::: EXCERPTED DATA :::
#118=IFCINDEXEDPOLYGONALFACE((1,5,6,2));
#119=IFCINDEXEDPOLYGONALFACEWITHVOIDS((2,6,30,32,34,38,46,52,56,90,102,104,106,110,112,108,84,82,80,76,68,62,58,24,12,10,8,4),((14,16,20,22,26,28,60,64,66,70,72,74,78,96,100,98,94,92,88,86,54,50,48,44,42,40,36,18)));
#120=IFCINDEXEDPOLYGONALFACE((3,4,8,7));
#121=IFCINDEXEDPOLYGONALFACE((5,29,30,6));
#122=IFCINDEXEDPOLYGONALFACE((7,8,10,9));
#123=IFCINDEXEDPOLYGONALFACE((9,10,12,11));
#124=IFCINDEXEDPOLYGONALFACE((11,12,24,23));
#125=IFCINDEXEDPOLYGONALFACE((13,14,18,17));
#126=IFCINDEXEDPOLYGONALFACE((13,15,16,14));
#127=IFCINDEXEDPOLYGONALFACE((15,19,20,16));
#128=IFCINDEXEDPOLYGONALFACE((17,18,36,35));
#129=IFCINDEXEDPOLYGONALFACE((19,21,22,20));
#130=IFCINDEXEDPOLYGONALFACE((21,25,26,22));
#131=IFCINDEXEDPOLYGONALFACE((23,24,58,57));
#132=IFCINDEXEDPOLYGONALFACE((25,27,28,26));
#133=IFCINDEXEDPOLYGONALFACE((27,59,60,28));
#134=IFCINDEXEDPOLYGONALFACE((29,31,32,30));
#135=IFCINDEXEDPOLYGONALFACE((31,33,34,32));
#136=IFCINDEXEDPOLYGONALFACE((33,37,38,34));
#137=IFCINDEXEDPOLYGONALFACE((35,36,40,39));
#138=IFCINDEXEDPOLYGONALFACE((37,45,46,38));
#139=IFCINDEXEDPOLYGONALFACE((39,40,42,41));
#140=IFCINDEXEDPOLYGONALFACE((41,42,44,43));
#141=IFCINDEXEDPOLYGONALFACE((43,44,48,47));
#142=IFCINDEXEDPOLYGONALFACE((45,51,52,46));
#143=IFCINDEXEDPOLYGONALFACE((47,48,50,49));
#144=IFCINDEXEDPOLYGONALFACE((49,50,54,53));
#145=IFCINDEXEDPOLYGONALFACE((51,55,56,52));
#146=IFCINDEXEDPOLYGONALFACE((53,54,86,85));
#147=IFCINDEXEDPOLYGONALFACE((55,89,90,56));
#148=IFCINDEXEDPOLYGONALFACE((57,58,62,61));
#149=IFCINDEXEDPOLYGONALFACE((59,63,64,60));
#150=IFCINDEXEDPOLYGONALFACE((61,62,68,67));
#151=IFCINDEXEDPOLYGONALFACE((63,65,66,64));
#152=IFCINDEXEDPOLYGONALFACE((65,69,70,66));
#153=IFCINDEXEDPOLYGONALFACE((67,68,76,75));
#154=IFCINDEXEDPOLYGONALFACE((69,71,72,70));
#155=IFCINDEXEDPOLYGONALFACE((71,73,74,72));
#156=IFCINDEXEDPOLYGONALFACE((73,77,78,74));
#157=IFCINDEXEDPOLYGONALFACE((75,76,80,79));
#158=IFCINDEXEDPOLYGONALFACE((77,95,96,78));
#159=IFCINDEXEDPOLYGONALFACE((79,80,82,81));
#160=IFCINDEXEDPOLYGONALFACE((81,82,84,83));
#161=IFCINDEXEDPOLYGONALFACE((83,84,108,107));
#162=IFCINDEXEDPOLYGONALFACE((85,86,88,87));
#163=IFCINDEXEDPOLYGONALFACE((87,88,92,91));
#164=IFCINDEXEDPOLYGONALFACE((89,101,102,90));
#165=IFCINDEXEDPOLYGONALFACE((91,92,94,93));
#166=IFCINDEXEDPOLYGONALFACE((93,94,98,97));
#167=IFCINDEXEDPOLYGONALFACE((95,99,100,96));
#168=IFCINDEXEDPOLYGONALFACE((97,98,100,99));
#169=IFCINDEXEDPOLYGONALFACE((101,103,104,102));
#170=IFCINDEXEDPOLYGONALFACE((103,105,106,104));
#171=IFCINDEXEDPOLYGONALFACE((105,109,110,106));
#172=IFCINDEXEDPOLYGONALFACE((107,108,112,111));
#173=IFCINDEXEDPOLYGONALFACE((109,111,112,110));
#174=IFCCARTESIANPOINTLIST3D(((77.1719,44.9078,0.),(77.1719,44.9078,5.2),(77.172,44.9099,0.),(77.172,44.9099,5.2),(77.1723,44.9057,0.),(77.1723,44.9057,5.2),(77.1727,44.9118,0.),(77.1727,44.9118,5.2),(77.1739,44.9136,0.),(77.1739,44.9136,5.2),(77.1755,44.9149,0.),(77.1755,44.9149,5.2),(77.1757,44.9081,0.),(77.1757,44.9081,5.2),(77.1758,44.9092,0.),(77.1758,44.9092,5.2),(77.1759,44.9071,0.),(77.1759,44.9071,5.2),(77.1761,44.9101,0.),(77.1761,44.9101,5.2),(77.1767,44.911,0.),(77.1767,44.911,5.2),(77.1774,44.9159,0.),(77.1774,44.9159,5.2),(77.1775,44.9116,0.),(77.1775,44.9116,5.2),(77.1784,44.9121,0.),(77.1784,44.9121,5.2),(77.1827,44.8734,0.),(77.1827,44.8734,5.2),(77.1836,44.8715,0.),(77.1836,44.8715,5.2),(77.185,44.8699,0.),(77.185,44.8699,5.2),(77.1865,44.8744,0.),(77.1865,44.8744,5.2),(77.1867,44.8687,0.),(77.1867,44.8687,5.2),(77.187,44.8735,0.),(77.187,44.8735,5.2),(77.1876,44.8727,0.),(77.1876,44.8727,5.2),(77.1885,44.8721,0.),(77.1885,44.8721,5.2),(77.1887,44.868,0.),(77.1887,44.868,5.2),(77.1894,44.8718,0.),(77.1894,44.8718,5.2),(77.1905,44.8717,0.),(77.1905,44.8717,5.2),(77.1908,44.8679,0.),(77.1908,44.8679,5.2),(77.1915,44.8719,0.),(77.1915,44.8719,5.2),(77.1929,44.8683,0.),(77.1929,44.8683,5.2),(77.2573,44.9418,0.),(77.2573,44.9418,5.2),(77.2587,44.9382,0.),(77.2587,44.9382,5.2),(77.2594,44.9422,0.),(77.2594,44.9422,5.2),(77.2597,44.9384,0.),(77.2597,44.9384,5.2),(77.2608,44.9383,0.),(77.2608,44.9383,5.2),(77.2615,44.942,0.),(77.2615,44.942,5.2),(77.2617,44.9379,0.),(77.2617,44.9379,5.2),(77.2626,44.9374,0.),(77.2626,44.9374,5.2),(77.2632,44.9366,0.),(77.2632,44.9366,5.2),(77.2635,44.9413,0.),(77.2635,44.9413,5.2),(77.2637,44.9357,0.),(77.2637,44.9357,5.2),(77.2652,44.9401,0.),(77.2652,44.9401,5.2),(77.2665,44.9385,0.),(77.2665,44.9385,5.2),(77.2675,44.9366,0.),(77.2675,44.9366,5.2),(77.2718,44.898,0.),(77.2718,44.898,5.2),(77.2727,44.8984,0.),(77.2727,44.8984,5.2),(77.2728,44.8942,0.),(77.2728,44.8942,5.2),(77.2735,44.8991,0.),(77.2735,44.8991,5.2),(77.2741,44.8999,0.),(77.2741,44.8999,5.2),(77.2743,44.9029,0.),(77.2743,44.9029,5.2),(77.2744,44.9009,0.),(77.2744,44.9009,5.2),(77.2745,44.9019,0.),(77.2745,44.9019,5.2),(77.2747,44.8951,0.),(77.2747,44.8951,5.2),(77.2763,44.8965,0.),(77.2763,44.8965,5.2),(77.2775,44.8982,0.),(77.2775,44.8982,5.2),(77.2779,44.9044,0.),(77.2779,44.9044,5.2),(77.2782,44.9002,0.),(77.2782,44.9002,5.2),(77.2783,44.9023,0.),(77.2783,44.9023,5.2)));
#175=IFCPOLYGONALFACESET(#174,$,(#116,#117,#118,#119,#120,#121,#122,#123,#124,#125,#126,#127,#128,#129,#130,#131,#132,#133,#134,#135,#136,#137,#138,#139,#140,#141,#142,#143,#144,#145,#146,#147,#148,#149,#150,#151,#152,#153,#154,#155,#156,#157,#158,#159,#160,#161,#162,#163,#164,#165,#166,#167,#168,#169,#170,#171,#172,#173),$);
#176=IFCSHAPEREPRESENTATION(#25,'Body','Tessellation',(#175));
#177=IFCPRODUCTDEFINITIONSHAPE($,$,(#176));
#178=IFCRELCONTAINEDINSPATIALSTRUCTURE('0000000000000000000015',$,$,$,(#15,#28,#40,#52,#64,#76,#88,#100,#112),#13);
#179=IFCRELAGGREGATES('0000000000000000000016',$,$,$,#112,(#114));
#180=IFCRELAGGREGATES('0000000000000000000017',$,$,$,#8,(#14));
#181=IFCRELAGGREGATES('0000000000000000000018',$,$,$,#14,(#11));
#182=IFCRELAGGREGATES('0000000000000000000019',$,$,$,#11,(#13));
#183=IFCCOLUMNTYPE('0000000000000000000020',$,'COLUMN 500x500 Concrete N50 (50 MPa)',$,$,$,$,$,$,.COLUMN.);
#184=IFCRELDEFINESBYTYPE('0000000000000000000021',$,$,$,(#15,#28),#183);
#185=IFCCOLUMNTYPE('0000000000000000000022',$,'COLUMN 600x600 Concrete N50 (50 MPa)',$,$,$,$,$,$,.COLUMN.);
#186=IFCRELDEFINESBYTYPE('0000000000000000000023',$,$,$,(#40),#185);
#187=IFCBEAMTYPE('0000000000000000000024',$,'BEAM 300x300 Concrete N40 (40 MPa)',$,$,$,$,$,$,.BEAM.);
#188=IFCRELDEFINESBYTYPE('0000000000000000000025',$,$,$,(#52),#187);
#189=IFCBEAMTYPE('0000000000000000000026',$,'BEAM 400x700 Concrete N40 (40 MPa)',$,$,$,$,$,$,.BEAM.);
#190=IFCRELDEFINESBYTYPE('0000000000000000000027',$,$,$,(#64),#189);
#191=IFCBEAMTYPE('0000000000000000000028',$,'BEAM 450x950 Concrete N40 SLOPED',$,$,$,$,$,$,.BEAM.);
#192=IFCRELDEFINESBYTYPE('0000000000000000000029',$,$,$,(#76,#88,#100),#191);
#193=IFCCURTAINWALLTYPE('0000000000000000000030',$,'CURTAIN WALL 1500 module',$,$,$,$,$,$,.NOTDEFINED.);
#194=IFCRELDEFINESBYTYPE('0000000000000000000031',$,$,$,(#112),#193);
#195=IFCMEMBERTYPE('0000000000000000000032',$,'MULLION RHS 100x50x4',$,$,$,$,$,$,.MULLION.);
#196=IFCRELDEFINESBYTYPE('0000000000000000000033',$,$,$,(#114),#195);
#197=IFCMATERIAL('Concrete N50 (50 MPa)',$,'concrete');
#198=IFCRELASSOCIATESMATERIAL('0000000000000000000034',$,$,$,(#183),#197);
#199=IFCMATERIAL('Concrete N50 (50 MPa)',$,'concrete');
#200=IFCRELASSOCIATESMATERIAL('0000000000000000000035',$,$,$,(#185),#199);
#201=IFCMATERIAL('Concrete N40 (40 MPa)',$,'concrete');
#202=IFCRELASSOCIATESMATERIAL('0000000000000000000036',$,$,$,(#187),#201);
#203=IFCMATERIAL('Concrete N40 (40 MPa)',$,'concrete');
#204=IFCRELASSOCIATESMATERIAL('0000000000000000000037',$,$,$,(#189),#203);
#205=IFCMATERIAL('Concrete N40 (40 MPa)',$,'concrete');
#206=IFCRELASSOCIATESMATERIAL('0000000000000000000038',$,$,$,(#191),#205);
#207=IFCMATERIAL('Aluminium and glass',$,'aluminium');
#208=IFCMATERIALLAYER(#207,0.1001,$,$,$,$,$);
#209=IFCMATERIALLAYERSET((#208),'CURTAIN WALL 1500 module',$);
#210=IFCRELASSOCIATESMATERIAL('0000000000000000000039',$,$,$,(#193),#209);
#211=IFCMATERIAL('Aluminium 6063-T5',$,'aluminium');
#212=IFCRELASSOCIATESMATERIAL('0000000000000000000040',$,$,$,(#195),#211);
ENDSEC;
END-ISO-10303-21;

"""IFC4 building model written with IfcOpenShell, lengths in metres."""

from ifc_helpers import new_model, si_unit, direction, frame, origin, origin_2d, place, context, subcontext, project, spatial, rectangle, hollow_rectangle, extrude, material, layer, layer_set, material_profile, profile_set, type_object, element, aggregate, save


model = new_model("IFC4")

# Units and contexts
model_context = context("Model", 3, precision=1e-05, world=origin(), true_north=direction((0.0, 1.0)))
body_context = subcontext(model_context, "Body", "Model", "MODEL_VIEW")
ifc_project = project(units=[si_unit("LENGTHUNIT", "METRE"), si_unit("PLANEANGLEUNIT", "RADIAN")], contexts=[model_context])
:::
REQUIREMENT -
The string to find is "COLUMN"; copy every line of the listing that has it.

RESULT FOR THIS EXERCISE -
#183=IFCCOLUMNTYPE('0000000000000000000020',$,'COLUMN 500x500 Concrete N50 (50 MPa)',$,$,$,$,$,$,.COLUMN.);
#185=IFCCOLUMNTYPE('0000000000000000000022',$,'COLUMN 600x600 Concrete N50 (50 MPa)',$,$,$,$,$,$,.COLUMN.);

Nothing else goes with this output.